* _WHAT IS NEEDED_
For the entries that follow, tally the lines holding the string "extrude". Give the total and nothing else.

Saved entries
++++++++++

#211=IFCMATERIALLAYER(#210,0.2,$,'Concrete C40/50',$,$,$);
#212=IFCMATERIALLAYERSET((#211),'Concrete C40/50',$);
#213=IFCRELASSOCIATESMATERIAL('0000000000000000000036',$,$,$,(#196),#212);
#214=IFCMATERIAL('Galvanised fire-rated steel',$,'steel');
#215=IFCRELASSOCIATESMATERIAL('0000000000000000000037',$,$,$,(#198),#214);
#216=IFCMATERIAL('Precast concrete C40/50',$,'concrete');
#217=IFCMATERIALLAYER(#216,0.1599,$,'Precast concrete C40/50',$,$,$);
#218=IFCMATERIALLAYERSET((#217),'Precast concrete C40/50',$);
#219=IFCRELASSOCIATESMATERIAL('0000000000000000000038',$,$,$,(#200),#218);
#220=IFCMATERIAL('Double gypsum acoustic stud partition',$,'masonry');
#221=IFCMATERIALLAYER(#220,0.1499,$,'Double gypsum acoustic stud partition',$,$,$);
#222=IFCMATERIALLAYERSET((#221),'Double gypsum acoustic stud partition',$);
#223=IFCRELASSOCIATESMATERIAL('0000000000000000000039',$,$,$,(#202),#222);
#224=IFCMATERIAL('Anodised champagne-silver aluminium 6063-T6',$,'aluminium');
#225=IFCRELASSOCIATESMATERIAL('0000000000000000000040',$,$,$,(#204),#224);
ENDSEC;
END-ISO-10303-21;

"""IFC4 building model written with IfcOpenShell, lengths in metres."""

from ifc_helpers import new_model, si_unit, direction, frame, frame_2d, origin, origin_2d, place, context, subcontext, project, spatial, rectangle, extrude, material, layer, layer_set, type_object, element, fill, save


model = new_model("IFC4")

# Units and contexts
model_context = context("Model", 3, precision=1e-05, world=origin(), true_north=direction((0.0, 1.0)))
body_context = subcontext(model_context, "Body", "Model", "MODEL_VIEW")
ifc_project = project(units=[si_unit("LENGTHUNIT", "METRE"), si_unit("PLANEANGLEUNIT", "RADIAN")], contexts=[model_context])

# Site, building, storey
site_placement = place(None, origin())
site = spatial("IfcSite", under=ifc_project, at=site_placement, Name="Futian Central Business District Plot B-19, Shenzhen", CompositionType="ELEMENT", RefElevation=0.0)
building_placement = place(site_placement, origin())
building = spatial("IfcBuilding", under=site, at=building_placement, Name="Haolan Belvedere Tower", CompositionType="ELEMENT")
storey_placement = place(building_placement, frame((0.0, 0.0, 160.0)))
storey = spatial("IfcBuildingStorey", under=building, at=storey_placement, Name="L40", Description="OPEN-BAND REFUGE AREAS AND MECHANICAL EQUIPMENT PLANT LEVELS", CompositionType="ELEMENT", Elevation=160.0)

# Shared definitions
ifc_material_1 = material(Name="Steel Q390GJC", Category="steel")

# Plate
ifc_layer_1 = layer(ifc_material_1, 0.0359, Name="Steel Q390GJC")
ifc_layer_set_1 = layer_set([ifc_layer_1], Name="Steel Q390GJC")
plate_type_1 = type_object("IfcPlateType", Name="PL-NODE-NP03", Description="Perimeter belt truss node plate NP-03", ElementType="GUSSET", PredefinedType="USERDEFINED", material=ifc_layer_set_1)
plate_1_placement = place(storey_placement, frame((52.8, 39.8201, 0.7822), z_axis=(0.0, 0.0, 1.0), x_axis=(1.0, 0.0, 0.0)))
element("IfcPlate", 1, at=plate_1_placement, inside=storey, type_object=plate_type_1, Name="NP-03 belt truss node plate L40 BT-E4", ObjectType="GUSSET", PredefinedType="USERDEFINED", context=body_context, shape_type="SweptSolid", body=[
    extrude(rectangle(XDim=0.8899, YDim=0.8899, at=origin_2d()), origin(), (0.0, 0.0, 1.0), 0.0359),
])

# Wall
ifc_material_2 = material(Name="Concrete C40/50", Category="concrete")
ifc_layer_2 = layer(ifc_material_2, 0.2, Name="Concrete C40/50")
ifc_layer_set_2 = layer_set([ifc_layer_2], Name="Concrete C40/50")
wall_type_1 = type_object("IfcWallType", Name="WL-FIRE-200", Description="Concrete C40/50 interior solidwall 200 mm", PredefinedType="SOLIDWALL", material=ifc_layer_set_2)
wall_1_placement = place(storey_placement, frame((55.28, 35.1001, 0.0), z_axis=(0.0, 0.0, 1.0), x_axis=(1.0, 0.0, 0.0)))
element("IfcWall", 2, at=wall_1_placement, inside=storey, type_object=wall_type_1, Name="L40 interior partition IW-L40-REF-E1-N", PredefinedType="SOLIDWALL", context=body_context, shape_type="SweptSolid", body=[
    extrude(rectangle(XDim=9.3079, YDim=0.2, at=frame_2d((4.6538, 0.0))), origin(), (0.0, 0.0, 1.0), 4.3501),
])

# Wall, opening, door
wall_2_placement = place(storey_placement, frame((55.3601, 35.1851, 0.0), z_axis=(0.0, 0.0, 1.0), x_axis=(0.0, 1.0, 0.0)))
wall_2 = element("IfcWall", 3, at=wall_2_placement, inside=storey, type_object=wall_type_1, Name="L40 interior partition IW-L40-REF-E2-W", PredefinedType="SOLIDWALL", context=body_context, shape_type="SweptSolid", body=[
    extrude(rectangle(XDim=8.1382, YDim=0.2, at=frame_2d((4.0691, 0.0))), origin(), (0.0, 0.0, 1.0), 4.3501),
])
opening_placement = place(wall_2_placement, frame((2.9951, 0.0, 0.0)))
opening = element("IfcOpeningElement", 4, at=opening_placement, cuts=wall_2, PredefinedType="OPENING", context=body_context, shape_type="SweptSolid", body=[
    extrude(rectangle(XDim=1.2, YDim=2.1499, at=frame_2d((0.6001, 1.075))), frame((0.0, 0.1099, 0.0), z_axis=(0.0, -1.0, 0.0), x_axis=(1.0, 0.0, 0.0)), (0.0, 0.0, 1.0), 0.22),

++++++++++

* _TASK ANSWER_
5